** Aim of the exercise **
In the records below, find the line containing "#90=IFCBEAM('0000000000000000000011',$,'Cantilever rib 9/J" and the line containing "#95=IFCINDEXEDPOLYGONALFACE((2,6,8,4));"; please repeat exactly the lines from one to the other, both included, and nothing more.

======== Excerpted records ========

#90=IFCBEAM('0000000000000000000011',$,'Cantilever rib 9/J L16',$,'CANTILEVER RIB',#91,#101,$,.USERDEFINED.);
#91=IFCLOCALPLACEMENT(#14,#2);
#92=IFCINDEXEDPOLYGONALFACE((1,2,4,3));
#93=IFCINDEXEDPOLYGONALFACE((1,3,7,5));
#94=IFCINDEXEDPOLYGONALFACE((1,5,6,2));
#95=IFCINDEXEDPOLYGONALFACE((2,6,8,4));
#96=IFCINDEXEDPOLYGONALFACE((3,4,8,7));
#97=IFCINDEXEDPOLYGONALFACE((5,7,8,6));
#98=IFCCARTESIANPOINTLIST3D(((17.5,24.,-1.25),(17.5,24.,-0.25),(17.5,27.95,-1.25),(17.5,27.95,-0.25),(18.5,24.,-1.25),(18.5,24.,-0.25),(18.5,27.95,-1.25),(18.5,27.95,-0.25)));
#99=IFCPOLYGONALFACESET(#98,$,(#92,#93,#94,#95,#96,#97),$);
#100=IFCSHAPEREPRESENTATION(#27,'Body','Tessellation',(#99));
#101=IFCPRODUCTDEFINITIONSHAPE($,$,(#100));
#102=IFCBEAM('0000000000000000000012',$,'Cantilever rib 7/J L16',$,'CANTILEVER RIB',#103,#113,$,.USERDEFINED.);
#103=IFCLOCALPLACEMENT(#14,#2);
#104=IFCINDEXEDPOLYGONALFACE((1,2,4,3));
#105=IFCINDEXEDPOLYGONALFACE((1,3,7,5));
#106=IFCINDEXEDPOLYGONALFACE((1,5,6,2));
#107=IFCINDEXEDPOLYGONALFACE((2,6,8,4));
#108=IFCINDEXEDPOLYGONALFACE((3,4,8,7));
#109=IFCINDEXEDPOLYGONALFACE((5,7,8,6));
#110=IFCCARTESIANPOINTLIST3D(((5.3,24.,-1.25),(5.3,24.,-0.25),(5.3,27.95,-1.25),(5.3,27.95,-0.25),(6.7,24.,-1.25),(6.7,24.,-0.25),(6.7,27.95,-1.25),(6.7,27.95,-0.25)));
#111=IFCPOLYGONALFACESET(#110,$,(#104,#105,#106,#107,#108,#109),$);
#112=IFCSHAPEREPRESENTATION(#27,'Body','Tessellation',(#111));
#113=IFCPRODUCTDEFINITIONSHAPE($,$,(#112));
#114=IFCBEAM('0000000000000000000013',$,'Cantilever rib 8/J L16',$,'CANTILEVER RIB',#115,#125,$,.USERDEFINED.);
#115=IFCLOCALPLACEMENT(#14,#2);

========
======== Excerpted records ========

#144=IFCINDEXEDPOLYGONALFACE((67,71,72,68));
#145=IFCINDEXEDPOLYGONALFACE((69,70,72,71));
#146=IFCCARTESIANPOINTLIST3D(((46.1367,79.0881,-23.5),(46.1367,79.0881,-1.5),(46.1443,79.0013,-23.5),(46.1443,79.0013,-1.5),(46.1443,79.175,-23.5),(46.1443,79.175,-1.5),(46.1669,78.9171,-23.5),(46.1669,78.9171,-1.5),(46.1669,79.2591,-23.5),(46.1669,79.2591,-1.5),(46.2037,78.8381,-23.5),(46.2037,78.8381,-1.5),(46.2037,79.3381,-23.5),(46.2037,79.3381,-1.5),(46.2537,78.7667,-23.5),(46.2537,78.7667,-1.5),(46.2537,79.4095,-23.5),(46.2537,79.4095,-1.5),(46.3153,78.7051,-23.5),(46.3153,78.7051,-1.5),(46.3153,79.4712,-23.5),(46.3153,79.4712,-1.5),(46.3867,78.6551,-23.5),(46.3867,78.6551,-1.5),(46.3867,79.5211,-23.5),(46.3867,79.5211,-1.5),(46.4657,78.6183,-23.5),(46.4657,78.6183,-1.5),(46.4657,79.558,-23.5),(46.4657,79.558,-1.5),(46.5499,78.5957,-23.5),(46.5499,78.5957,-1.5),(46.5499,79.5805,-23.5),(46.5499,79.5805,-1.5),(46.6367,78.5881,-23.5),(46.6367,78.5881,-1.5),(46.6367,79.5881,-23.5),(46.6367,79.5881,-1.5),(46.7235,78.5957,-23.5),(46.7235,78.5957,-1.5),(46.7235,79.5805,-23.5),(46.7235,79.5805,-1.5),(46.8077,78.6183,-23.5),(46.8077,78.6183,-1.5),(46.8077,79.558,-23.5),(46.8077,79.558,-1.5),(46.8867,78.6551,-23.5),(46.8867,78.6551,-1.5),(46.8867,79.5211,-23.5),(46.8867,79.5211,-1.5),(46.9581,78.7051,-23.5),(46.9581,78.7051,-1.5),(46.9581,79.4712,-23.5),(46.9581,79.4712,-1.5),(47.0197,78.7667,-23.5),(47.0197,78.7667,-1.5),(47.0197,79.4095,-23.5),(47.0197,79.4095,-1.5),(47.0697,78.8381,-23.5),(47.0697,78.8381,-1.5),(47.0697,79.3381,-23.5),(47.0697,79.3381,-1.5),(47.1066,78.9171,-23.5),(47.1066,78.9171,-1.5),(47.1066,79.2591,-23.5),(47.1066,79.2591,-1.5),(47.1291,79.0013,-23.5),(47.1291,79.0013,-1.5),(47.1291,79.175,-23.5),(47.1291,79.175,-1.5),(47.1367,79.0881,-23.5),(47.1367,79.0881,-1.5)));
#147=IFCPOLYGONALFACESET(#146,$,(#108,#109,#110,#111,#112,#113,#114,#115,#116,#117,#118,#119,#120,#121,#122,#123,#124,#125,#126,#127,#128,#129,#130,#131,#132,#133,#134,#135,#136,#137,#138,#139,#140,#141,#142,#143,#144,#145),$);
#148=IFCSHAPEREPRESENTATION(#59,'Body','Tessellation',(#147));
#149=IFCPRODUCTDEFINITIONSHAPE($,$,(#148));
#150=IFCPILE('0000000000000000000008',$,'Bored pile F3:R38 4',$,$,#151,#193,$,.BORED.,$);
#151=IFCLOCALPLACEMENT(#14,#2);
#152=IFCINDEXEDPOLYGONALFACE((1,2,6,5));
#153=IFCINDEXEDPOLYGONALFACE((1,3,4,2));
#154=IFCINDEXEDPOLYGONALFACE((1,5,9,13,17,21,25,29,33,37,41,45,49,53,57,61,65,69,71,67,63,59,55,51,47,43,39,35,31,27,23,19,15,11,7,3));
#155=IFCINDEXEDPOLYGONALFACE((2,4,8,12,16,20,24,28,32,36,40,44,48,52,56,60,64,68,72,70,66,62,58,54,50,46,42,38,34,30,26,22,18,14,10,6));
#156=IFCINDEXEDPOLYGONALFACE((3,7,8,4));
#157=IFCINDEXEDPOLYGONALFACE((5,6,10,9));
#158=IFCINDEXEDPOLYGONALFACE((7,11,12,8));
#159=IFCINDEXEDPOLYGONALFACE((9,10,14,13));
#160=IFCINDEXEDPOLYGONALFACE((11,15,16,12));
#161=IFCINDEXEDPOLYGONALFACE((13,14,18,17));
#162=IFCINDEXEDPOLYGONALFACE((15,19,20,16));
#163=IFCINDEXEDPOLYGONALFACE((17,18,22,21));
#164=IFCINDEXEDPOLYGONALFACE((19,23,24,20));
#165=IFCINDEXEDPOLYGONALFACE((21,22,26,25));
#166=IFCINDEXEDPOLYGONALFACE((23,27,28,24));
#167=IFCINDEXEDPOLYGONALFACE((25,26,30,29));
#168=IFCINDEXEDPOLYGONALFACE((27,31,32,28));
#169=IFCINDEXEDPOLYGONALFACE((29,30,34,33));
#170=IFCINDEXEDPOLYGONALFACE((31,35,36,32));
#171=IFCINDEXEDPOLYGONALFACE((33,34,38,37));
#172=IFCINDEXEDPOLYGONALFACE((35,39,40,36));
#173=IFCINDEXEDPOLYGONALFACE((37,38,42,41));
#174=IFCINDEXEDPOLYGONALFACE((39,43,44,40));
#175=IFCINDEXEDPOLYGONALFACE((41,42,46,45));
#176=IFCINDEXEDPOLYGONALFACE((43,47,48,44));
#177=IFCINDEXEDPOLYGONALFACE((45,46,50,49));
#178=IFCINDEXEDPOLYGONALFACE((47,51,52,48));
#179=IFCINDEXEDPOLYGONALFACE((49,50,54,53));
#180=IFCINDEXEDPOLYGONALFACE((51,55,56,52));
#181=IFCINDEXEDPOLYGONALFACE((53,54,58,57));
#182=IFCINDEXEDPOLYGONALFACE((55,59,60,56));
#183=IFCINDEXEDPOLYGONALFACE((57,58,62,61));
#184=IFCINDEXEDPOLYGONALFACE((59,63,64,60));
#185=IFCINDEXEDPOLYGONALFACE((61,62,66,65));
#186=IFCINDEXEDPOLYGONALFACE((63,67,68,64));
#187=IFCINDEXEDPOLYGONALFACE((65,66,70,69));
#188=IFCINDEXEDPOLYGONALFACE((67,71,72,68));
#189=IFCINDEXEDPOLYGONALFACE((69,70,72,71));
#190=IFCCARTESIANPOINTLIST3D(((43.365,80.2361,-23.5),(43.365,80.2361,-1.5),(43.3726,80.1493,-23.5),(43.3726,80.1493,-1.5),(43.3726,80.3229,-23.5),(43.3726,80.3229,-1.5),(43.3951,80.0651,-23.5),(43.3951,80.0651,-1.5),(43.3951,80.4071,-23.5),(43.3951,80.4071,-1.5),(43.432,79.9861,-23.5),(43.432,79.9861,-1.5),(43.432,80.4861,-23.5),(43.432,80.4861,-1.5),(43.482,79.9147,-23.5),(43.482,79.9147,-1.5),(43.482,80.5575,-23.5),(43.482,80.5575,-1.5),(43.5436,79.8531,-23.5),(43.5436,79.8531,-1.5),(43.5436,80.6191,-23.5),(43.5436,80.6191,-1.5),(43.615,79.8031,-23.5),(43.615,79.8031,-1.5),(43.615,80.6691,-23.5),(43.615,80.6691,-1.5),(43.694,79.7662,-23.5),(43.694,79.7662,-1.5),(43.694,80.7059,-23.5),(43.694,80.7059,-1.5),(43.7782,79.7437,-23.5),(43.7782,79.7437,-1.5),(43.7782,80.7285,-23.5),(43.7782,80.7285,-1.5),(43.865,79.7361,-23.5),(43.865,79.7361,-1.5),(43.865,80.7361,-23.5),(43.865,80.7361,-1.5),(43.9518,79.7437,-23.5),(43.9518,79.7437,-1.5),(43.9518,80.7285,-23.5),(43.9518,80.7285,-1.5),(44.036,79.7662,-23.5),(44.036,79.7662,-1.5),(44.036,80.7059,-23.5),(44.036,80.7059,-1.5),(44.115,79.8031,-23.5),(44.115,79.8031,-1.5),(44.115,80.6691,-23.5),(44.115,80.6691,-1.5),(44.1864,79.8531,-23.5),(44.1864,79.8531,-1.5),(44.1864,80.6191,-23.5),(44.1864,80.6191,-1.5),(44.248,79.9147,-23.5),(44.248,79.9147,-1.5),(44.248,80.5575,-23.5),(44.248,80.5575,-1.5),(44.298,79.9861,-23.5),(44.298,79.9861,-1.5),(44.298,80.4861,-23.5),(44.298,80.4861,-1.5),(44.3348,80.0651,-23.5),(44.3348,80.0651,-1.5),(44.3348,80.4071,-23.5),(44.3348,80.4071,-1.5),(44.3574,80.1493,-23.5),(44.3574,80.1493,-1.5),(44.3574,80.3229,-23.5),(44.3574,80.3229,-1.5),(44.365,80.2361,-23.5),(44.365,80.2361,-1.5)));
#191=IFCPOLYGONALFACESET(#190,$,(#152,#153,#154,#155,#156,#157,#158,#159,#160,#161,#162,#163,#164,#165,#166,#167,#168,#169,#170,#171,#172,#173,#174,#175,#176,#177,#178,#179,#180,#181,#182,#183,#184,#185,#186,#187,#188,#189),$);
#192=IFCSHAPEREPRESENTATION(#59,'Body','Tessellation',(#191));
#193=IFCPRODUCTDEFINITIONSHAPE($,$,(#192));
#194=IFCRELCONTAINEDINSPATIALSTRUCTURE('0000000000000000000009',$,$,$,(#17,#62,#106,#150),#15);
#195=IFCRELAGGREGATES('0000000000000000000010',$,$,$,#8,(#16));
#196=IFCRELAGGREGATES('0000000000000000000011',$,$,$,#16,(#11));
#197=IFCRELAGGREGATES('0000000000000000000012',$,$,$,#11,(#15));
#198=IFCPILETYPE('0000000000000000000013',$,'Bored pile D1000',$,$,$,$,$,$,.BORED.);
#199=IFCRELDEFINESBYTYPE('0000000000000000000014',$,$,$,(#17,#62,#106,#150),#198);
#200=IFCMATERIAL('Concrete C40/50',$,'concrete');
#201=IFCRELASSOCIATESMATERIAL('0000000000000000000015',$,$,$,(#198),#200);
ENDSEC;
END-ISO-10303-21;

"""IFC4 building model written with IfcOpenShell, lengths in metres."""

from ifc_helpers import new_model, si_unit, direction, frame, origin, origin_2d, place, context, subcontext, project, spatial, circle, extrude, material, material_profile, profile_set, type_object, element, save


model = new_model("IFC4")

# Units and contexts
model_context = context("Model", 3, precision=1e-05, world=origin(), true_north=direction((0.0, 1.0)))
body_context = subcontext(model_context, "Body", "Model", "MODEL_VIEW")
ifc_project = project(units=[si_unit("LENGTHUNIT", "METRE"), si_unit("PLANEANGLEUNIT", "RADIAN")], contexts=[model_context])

========

** Response **
#90=IFCBEAM('0000000000000000000011',$,'Cantilever rib 9/J L16',$,'CANTILEVER RIB',#91,#101,$,.USERDEFINED.);
#91=IFCLOCALPLACEMENT(#14,#2);
#92=IFCINDEXEDPOLYGONALFACE((1,2,4,3));
#93=IFCINDEXEDPOLYGONALFACE((1,3,7,5));
#94=IFCINDEXEDPOLYGONALFACE((1,5,6,2));
#95=IFCINDEXEDPOLYGONALFACE((2,6,8,4));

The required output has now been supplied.